Supplied data: Begin

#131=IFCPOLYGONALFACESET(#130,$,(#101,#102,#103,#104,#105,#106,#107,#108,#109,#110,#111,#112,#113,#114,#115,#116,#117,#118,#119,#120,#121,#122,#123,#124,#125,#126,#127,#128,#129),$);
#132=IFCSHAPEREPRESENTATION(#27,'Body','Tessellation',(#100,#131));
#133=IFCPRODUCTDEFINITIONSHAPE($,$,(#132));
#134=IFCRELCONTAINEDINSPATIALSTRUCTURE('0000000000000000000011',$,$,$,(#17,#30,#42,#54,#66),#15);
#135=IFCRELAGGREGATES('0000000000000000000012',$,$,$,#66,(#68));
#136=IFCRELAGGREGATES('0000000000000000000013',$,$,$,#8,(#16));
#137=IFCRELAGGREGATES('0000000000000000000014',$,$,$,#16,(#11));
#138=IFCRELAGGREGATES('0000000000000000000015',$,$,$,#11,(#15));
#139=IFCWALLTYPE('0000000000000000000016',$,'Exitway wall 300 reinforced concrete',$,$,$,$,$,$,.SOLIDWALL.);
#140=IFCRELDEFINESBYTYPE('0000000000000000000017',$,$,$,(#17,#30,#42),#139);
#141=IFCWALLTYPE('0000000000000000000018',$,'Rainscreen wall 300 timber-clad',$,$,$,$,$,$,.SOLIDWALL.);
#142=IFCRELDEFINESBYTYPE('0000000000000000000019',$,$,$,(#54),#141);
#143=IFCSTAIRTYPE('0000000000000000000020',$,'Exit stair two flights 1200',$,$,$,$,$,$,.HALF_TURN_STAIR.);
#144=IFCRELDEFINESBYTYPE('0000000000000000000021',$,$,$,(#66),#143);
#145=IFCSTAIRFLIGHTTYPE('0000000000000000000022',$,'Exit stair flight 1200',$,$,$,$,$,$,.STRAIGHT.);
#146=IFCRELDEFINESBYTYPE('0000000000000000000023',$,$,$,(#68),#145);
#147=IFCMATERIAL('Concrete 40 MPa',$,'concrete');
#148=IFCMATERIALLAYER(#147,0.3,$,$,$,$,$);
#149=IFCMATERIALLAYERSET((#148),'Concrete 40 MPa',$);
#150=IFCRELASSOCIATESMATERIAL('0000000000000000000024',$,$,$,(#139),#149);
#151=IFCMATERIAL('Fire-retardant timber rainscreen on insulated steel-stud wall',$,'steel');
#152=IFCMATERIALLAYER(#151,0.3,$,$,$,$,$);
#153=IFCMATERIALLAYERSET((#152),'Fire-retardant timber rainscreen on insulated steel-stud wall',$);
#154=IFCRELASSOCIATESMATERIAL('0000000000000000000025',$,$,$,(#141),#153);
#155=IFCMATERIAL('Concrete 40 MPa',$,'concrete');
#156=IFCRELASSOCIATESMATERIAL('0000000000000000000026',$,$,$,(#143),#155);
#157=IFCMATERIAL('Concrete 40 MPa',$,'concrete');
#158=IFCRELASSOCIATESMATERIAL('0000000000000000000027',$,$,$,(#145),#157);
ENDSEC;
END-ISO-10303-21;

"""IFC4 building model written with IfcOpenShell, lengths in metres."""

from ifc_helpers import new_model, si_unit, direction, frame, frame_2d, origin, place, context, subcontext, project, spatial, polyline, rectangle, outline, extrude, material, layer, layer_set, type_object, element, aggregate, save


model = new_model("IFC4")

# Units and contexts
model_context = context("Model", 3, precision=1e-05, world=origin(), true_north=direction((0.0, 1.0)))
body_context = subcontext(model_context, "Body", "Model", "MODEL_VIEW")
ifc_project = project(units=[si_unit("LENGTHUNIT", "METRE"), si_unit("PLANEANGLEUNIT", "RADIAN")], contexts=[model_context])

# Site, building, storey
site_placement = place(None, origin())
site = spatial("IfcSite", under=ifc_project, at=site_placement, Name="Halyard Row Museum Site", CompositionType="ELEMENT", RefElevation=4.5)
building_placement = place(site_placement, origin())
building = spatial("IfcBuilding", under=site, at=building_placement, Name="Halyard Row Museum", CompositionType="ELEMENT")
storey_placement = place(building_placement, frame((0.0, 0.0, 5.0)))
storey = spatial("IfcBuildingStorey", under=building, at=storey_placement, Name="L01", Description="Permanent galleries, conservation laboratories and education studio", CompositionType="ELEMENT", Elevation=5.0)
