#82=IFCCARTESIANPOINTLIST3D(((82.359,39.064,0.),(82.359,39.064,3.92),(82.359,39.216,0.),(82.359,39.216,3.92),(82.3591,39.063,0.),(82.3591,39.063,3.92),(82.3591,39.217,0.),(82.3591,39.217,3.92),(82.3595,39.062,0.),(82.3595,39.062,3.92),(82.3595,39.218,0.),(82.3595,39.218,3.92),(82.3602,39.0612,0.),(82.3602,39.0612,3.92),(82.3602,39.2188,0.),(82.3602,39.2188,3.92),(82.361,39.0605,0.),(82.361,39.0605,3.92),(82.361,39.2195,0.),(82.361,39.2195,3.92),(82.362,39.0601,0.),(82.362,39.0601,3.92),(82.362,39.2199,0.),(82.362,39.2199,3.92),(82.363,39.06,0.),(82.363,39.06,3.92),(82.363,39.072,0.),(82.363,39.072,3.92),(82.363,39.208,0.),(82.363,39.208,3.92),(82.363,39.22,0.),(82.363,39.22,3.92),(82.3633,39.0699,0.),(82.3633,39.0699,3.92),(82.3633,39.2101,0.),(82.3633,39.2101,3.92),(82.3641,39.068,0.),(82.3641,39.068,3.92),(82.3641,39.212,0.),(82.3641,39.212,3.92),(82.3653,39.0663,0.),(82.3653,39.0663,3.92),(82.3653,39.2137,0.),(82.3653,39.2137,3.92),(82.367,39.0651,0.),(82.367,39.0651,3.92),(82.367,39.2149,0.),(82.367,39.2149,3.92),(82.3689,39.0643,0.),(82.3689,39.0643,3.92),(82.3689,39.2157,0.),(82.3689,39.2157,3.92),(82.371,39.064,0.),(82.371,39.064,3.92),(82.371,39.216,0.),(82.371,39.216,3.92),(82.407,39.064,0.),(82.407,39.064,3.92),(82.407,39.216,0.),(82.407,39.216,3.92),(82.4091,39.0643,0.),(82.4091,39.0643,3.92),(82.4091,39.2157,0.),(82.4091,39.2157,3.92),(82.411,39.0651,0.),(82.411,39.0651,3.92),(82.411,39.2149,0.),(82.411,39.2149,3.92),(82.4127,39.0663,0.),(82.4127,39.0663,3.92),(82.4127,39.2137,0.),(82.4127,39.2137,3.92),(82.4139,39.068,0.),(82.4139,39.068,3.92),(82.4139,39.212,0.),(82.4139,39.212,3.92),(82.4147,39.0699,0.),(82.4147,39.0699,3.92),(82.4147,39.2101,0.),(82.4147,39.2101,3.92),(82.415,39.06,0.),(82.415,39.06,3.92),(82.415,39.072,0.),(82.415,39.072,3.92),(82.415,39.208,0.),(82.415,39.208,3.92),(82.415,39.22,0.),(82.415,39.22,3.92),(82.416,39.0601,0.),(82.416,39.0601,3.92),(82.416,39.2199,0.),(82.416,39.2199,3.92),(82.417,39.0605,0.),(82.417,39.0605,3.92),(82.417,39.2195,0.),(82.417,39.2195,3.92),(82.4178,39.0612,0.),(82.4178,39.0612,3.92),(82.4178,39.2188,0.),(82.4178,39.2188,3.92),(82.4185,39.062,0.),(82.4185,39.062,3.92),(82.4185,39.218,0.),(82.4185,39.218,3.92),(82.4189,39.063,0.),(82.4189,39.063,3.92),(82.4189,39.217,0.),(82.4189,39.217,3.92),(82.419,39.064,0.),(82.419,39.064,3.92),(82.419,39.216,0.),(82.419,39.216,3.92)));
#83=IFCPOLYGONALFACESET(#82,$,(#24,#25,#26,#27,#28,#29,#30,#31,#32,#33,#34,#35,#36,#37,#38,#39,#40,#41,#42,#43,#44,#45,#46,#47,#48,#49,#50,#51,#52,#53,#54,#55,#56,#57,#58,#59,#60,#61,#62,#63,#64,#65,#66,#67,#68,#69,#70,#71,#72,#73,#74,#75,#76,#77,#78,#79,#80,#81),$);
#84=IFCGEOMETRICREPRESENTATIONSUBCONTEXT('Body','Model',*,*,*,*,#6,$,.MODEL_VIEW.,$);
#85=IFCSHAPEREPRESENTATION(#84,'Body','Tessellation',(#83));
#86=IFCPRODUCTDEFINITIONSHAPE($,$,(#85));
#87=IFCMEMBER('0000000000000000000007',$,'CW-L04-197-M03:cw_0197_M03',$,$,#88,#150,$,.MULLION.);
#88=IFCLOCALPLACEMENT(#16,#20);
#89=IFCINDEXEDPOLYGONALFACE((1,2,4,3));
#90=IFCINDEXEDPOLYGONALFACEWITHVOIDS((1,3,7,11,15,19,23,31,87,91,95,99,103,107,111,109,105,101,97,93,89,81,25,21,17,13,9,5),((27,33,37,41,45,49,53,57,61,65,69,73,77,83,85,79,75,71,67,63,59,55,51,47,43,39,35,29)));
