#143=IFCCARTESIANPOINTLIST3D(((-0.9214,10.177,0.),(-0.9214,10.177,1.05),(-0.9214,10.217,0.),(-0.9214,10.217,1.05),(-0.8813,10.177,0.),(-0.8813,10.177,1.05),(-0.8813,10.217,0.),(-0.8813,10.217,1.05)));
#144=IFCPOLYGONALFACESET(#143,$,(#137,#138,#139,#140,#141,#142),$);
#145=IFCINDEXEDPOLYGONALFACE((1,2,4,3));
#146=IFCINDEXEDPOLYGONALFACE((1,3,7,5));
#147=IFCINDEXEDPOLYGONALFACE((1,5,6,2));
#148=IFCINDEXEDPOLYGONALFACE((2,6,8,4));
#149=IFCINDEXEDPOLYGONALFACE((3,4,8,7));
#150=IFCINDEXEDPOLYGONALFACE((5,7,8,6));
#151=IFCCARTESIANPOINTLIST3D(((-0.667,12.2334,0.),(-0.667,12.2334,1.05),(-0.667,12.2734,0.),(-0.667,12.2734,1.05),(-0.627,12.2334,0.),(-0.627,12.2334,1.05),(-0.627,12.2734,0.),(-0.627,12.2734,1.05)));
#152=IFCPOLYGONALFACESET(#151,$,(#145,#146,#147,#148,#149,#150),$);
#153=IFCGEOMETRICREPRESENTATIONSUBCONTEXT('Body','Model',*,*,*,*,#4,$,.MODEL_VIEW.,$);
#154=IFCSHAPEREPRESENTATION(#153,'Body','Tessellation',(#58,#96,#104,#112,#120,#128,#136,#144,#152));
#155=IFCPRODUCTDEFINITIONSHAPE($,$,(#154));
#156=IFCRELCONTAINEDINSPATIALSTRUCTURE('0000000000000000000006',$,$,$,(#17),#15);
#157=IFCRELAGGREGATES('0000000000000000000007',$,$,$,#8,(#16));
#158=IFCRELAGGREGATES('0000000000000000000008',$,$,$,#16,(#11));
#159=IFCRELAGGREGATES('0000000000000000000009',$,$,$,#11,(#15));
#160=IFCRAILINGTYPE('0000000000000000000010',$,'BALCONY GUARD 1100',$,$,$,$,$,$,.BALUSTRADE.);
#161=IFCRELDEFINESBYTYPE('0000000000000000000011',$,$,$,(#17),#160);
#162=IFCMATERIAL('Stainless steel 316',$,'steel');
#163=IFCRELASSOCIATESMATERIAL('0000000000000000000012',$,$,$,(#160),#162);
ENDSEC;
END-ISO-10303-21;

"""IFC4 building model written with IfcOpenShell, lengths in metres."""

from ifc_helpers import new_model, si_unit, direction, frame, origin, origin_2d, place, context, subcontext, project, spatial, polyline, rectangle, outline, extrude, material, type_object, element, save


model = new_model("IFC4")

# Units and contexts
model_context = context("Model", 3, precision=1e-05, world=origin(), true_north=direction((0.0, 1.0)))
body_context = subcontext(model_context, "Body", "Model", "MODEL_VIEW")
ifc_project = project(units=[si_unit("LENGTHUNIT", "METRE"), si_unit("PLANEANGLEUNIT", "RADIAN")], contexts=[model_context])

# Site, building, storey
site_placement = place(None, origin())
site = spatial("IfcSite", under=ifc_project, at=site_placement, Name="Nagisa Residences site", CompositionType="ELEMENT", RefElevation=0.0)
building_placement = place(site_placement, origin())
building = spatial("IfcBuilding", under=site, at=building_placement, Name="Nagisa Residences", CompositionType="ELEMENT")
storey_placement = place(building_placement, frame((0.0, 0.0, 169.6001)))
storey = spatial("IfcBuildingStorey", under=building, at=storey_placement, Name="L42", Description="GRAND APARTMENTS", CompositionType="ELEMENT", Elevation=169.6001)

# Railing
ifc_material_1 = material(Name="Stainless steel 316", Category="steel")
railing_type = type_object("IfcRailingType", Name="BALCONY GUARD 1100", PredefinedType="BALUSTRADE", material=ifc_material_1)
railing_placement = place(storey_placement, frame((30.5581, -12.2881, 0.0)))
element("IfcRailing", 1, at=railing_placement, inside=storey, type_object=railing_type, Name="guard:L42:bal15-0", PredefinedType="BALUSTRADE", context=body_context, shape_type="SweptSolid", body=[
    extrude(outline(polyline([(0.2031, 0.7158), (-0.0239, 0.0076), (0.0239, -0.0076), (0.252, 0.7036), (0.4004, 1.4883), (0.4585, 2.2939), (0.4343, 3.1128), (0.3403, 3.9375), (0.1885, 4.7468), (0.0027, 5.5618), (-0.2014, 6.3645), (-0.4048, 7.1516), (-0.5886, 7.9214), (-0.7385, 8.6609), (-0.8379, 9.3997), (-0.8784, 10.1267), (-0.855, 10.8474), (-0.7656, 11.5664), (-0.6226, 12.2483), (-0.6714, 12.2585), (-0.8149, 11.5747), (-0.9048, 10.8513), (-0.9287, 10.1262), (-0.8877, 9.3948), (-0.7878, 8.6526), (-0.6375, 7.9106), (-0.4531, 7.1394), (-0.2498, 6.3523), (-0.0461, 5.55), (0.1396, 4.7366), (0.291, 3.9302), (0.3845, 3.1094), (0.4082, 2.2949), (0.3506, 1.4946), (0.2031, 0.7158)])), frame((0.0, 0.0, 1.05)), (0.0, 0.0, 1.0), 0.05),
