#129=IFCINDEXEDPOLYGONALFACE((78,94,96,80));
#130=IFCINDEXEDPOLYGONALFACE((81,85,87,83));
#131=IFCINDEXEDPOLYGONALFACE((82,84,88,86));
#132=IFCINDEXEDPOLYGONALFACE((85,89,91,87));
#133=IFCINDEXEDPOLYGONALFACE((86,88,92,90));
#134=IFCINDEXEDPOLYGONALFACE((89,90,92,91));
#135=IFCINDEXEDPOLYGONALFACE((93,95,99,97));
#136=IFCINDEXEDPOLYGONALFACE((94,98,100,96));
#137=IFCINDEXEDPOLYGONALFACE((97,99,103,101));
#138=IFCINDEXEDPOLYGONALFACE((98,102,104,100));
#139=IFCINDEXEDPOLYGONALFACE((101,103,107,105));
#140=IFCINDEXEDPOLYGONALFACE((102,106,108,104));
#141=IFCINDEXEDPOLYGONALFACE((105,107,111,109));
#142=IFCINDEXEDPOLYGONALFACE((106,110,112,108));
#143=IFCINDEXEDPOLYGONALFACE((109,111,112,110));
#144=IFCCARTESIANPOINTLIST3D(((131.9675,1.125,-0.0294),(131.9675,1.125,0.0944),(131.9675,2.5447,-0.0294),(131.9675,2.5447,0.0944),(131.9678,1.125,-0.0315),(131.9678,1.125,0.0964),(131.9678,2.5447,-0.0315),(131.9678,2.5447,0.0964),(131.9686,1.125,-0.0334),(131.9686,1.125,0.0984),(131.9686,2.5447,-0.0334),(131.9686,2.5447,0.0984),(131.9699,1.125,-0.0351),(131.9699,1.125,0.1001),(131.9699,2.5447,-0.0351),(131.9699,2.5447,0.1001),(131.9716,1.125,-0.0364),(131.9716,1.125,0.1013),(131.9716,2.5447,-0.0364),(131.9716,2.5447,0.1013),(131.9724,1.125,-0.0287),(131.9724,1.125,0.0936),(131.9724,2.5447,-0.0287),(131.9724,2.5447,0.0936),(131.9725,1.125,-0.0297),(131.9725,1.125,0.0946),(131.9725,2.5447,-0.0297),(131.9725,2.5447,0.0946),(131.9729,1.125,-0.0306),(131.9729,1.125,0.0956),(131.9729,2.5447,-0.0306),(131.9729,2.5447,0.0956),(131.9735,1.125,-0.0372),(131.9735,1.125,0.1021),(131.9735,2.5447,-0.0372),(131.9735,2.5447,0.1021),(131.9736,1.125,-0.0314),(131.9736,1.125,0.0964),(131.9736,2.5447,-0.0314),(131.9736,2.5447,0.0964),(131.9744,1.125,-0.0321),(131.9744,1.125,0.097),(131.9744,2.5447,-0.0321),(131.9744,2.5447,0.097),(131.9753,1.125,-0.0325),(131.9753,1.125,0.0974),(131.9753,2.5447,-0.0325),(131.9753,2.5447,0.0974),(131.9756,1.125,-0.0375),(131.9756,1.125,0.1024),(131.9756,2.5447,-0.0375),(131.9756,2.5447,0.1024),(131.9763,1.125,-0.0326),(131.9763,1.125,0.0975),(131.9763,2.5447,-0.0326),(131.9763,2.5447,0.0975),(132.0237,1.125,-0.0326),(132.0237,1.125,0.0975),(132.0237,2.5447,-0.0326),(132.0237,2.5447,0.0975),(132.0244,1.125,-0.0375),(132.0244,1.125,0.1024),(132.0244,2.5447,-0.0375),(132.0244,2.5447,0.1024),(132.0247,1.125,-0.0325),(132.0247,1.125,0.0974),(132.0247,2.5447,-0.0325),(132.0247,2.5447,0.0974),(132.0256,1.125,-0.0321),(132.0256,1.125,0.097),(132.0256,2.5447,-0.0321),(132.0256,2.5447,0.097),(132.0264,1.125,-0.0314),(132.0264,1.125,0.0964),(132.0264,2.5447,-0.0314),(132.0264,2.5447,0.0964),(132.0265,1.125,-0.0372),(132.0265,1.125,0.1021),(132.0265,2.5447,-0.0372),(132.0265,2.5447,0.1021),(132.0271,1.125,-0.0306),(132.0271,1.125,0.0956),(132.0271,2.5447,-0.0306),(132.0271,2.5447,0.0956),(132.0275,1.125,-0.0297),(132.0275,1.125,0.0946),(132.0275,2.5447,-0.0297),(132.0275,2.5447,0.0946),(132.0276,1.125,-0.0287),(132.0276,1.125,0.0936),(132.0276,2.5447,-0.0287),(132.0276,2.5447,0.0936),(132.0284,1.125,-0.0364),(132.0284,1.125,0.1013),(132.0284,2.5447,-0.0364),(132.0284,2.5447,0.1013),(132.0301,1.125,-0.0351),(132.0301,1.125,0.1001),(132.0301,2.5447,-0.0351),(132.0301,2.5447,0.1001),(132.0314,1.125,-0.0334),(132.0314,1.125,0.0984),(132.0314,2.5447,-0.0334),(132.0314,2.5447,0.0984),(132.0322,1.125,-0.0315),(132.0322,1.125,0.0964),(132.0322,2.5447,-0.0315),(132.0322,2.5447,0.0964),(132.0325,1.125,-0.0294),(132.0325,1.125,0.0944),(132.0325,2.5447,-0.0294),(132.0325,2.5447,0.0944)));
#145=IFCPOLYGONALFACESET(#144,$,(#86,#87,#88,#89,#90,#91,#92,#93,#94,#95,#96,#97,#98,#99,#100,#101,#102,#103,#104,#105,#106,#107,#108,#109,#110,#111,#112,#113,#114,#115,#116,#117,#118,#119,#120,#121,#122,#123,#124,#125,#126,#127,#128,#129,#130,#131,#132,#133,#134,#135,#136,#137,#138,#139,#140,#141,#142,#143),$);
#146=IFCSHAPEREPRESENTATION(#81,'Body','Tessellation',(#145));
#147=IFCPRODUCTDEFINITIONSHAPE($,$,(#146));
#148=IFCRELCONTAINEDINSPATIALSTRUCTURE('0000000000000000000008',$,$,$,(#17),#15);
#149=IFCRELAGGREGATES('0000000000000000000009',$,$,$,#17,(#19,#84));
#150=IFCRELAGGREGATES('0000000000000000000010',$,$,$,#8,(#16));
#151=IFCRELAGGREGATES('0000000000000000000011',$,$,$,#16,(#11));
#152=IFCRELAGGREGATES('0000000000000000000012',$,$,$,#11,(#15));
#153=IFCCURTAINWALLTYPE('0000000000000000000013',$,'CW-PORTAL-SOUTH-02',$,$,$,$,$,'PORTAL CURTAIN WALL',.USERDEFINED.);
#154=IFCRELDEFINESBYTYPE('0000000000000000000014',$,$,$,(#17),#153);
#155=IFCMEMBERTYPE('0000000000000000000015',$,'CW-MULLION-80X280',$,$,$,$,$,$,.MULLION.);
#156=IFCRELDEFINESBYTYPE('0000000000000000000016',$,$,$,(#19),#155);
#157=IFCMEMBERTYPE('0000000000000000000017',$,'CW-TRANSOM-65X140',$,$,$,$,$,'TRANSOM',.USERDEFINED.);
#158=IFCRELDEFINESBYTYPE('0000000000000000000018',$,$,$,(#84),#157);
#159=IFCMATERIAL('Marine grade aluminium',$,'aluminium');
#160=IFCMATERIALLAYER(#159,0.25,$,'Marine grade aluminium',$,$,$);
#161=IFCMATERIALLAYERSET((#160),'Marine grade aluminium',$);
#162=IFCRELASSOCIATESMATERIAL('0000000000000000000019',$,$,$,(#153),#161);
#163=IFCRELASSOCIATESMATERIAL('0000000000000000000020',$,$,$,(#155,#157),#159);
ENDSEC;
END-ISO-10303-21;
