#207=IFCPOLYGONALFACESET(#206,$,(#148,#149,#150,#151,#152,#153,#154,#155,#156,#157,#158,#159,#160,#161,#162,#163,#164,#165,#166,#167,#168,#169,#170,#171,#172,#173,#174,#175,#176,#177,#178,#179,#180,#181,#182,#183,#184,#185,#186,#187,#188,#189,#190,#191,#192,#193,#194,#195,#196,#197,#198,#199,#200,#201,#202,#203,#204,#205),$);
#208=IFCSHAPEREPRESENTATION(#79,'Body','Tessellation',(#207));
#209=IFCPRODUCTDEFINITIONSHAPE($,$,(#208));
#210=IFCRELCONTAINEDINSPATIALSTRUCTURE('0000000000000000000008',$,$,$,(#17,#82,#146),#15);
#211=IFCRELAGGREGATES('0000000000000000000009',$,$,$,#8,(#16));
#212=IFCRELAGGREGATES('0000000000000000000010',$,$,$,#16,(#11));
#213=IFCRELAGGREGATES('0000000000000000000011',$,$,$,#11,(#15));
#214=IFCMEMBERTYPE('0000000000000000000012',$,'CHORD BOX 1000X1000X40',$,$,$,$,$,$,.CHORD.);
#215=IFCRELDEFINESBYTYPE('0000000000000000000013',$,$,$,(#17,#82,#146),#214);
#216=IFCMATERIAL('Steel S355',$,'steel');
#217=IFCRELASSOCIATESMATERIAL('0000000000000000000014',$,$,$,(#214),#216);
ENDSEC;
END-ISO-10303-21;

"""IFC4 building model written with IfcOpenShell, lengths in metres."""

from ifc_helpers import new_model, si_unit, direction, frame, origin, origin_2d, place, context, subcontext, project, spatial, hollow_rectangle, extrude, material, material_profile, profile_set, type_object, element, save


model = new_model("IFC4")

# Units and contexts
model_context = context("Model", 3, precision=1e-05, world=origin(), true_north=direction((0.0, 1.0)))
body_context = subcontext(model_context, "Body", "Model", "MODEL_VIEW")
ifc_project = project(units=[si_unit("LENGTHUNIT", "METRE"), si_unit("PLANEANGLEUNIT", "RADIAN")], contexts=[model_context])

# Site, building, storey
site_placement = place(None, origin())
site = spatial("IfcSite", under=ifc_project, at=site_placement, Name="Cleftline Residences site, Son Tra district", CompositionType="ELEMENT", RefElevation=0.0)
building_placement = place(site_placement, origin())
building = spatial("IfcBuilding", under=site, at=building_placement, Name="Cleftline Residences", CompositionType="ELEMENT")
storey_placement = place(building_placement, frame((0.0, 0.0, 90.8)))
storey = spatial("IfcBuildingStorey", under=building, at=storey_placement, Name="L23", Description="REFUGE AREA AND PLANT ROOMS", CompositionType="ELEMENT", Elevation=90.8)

Supplied data: End

Problem to work on:
From the line containing "frame((0.0, 0.0, 90.8)))" down to the last line of the data above, copy every line exactly; leave out all other lines.

Output:
storey_placement = place(building_placement, frame((0.0, 0.0, 90.8)))
storey = spatial("IfcBuildingStorey", under=building, at=storey_placement, Name="L23", Description="REFUGE AREA AND PLANT ROOMS", CompositionType="ELEMENT", Elevation=90.8)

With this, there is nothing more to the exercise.